WHAT THE TASK ASKS —
Copy out the lines of the records below, and only those lines, from the one with "#24=IFCINDEXEDPOLYGONALFACE((3,15,16,4));" through the one with "#30=IFCINDEXEDPOLYGONALFACE((9,10,22,21));", exactly as they appear.
══ RECORDS SUPPLIED ══
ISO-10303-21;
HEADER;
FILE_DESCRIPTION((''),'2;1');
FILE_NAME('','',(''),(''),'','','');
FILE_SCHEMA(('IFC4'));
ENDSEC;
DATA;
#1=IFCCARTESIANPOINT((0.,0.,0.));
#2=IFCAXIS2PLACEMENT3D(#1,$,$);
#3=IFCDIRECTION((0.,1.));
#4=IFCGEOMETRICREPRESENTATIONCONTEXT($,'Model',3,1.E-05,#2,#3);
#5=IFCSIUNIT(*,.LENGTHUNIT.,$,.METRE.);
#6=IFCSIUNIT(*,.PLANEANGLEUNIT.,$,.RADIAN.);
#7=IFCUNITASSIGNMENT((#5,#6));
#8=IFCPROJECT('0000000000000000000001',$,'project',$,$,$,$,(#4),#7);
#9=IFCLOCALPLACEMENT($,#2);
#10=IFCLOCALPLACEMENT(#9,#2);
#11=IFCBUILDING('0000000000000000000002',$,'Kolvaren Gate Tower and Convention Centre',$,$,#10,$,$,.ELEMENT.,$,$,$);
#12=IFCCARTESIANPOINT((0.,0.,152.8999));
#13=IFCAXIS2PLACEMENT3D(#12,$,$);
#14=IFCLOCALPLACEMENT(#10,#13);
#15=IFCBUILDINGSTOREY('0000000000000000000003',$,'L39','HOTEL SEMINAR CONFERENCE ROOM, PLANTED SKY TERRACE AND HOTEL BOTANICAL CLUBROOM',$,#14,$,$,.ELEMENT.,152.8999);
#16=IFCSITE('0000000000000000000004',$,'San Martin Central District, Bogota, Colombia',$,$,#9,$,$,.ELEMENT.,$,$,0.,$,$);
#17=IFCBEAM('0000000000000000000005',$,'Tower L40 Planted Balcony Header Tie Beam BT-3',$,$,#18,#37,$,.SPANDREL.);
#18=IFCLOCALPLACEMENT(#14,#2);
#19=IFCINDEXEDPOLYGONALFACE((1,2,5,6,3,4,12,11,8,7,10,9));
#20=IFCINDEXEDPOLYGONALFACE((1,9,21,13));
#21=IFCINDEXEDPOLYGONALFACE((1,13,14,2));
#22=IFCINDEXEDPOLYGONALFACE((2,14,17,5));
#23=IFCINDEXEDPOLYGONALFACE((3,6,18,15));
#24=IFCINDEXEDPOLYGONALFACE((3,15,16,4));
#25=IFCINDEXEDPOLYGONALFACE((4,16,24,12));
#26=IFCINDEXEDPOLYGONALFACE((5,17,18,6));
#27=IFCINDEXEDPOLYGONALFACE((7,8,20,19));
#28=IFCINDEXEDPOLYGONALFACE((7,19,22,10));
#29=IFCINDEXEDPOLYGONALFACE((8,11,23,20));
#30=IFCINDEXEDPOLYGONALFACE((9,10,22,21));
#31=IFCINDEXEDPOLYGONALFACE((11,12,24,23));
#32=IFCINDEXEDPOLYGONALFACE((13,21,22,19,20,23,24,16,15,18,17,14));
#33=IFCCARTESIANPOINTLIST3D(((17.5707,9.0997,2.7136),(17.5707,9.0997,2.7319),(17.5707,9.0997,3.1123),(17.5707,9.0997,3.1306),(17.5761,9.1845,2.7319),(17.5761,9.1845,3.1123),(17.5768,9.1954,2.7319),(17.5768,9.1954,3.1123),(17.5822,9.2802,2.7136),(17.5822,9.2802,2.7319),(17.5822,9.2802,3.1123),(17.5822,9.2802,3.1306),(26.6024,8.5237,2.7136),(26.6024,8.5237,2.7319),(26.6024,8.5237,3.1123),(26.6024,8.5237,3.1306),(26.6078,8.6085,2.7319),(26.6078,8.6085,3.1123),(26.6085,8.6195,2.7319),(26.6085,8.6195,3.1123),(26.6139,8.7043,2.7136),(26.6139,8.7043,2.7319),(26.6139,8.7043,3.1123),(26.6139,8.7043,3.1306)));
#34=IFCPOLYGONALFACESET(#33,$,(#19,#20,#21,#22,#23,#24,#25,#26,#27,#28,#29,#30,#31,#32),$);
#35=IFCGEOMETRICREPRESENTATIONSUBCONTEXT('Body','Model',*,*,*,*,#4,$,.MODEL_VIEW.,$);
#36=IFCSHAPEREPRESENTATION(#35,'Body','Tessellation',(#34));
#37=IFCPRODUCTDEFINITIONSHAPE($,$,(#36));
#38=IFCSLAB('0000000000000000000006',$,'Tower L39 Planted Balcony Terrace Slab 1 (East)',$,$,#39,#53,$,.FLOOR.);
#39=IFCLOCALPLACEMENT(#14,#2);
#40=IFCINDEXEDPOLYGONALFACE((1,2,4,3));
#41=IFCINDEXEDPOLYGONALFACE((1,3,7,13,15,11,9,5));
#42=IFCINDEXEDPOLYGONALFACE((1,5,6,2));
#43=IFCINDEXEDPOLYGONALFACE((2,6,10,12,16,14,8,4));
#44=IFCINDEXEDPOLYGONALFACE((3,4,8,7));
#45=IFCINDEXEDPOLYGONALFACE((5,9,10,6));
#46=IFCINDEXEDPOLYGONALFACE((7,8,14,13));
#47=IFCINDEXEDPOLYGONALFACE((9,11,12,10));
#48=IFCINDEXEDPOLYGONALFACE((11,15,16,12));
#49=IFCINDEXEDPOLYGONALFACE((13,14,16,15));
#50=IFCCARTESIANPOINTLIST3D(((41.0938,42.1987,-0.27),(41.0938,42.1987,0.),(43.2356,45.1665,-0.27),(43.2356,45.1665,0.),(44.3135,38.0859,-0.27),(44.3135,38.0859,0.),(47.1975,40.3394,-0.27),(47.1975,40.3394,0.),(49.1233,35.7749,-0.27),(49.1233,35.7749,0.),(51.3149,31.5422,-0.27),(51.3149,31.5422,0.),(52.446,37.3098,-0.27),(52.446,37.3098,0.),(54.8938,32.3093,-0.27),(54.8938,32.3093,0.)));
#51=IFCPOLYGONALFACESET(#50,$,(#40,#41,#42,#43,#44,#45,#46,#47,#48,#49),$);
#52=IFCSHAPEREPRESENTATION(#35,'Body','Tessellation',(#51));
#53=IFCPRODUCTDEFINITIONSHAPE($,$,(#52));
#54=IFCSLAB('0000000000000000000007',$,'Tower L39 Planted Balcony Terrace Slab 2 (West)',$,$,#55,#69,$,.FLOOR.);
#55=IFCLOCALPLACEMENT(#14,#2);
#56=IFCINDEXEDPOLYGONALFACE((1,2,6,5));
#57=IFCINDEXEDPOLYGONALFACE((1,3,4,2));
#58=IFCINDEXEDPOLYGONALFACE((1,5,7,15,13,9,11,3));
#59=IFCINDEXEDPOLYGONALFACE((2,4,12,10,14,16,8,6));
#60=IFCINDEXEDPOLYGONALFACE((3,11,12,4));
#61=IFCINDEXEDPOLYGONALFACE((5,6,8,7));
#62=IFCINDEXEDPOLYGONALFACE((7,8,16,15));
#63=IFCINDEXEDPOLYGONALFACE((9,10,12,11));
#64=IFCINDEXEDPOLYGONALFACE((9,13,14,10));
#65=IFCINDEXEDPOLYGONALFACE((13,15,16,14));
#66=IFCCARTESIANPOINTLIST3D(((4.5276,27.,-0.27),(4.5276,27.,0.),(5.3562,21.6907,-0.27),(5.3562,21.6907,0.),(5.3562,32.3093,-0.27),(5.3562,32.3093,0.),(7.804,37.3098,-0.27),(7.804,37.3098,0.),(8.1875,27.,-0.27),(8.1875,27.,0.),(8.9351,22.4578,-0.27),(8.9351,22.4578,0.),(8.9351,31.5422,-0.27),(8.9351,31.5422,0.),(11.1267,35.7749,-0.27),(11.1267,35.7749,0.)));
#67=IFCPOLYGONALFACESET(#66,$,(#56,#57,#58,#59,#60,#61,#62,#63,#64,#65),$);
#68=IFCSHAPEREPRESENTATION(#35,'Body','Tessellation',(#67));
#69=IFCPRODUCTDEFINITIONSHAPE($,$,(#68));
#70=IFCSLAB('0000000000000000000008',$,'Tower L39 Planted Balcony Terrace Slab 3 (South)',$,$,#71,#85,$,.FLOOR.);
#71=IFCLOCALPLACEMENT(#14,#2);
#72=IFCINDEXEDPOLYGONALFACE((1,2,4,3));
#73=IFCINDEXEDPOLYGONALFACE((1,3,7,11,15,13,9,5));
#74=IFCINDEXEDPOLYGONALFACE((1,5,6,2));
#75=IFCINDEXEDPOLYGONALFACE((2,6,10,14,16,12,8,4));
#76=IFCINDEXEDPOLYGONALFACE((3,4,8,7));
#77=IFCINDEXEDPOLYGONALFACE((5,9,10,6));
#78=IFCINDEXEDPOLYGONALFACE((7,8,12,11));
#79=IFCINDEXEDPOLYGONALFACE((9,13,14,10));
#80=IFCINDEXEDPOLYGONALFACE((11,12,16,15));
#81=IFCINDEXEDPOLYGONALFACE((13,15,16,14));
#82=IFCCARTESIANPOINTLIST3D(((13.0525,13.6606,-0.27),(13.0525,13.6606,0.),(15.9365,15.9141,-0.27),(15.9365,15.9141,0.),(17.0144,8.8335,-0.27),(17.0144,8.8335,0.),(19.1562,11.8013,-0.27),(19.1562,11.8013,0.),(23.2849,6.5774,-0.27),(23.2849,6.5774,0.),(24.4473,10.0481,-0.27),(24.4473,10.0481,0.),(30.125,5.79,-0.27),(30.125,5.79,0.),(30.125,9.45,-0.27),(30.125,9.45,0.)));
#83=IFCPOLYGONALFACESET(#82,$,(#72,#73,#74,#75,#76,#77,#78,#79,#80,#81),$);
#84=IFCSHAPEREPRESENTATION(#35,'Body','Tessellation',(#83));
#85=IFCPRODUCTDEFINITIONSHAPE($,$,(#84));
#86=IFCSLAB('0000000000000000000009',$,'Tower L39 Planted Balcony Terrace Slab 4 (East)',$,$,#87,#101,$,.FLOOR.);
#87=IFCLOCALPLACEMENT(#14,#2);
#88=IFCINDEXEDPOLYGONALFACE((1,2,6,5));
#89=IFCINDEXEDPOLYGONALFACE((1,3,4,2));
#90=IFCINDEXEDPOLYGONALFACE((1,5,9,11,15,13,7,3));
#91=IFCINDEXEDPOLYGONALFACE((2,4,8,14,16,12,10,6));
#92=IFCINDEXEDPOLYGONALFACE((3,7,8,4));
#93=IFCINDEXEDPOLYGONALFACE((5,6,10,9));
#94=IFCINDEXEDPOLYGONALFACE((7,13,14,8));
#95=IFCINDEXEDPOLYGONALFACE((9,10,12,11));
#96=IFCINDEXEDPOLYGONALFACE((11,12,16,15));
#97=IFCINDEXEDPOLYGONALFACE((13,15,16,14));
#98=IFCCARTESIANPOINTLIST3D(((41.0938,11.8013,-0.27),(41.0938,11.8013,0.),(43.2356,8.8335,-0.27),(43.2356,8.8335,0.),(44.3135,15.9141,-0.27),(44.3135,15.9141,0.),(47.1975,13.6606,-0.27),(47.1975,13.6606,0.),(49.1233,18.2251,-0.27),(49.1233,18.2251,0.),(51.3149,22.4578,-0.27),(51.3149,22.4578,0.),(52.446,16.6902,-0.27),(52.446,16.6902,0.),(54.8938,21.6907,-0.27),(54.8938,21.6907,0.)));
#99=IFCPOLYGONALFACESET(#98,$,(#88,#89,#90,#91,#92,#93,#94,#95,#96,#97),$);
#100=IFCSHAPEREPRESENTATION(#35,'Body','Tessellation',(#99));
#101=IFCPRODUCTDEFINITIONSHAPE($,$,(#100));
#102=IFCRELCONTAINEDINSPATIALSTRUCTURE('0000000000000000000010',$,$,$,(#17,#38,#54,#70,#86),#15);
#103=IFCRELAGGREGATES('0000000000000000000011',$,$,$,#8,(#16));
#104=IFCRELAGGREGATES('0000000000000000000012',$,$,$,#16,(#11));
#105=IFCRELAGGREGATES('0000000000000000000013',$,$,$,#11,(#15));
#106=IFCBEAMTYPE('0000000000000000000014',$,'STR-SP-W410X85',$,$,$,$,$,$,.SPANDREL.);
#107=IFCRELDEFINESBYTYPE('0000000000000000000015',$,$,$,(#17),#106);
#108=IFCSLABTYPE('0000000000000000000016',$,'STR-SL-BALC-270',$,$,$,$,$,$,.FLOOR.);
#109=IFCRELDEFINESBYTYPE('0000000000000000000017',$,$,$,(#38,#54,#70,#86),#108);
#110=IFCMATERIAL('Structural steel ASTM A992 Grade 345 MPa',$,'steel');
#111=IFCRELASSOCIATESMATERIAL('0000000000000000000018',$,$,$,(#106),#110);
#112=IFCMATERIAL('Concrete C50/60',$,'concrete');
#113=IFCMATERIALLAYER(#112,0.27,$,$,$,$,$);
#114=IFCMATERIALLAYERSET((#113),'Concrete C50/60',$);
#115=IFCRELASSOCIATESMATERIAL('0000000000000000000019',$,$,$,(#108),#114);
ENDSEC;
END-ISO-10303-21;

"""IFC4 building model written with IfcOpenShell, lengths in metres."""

from ifc_helpers import new_model, si_unit, direction, frame, origin, origin_2d, place, context, subcontext, project, spatial, polyline, i_section, outline, extrude, material, layer, layer_set, material_profile, profile_set, type_object, element, save


model = new_model("IFC4")

# Units and contexts
model_context = context("Model", 3, precision=1e-05, world=origin(), true_north=direction((0.0, 1.0)))
body_context = subcontext(model_context, "Body", "Model", "MODEL_VIEW")
ifc_project = project(units=[si_unit("LENGTHUNIT", "METRE"), si_unit("PLANEANGLEUNIT", "RADIAN")], contexts=[model_context])

# Site, building, storey
site_placement = place(None, origin())
site = spatial("IfcSite", under=ifc_project, at=site_placement, Name="San Martin Central District, Bogota, Colombia", CompositionType="ELEMENT", RefElevation=0.0)
building_placement = place(site_placement, origin())
building = spatial("IfcBuilding", under=site, at=building_placement, Name="Kolvaren Gate Tower and Convention Centre", CompositionType="ELEMENT")
storey_placement = place(building_placement, frame((0.0, 0.0, 152.8999)))
storey = spatial("IfcBuildingStorey", under=building, at=storey_placement, Name="L39", Description="HOTEL SEMINAR CONFERENCE ROOM, PLANTED SKY TERRACE AND HOTEL BOTANICAL CLUBROOM", CompositionType="ELEMENT", Elevation=152.8999)

# Beam
ifc_material_1 = material(Name="Structural steel ASTM A992 Grade 345 MPa", Category="steel")
ifc_material_profile = material_profile(ifc_material_1, i_section(OverallWidth=0.1809, OverallDepth=0.417, WebThickness=0.011, FlangeThickness=0.0183, at=origin_2d()), Name="W410X85")
ifc_profile_set = profile_set([ifc_material_profile], Name="Structural steel ASTM A992 Grade 345 MPa")
beam_type = type_object("IfcBeamType", Name="STR-SP-W410X85", PredefinedType="SPANDREL", material=ifc_profile_set)
beam_placement = place(storey_placement, frame((17.5764, 9.1899, 2.9221), z_axis=(0.997973, -0.063638, 0.0), x_axis=(0.063638, 0.997973, 0.0)))
element("IfcBeam", 1, at=beam_placement, inside=storey, type_object=beam_type, Name="Tower L40 Planted Balcony Header Tie Beam BT-3", PredefinedType="SPANDREL", context=body_context, shape_type="SweptSolid", body=[
    extrude(i_section(OverallWidth=0.1809, OverallDepth=0.417, WebThickness=0.011, FlangeThickness=0.0183, at=origin_2d()), origin(), (0.0, 0.0, 1.0), 9.05),
])

# Slabs
ifc_material_2 = material(Name="Concrete C50/60", Category="concrete")
ifc_layer_1 = layer(ifc_material_2, 0.27)
ifc_layer_set_1 = layer_set([ifc_layer_1], Name="Concrete C50/60")
slab_type_1 = type_object("IfcSlabType", Name="STR-SL-BALC-270", PredefinedType="FLOOR", material=ifc_layer_set_1)
slab_1_placement = place(storey_placement, frame((0.0, 0.0, -0.27)))
element("IfcSlab", 2, at=slab_1_placement, inside=storey, type_object=slab_type_1, Name="Tower L39 Planted Balcony Terrace Slab 1 (East)", PredefinedType="FLOOR", context=body_context, shape_type="SweptSolid", body=[
    extrude(outline(polyline([(51.3149, 31.5422), (49.1233, 35.7749), (44.3135, 38.0859), (41.0938, 42.1987), (43.2356, 45.1665), (47.1975, 40.3394), (52.446, 37.3098), (54.8938, 32.3093), (51.3149, 31.5422)])), origin(), (0.0, 0.0, 1.0), 0.27),
])
slab_2_placement = place(storey_placement, frame((0.0, 0.0, -0.27)))
element("IfcSlab", 3, at=slab_2_placement, inside=storey, type_object=slab_type_1, Name="Tower L39 Planted Balcony Terrace Slab 2 (West)", PredefinedType="FLOOR", context=body_context, shape_type="SweptSolid", body=[
    extrude(outline(polyline([(11.1267, 35.7749), (8.9351, 31.5422), (8.1875, 27.0), (8.9351, 22.4578), (5.3562, 21.6907), (4.5276, 27.0), (5.3562, 32.3093), (7.804, 37.3098), (11.1267, 35.7749)])), origin(), (0.0, 0.0, 1.0), 0.27),
])
slab_3_placement = place(storey_placement, frame((0.0, 0.0, -0.27)))
element("IfcSlab", 4, at=slab_3_placement, inside=storey, type_object=slab_type_1, Name="Tower L39 Planted Balcony Terrace Slab 3 (South)", PredefinedType="FLOOR", context=body_context, shape_type="SweptSolid", body=[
═══
SOLVED PROBLEM —
#24=IFCINDEXEDPOLYGONALFACE((3,15,16,4));
#25=IFCINDEXEDPOLYGONALFACE((4,16,24,12));
#26=IFCINDEXEDPOLYGONALFACE((5,17,18,6));
#27=IFCINDEXEDPOLYGONALFACE((7,8,20,19));
#28=IFCINDEXEDPOLYGONALFACE((7,19,22,10));
#29=IFCINDEXEDPOLYGONALFACE((8,11,23,20));
#30=IFCINDEXEDPOLYGONALFACE((9,10,22,21));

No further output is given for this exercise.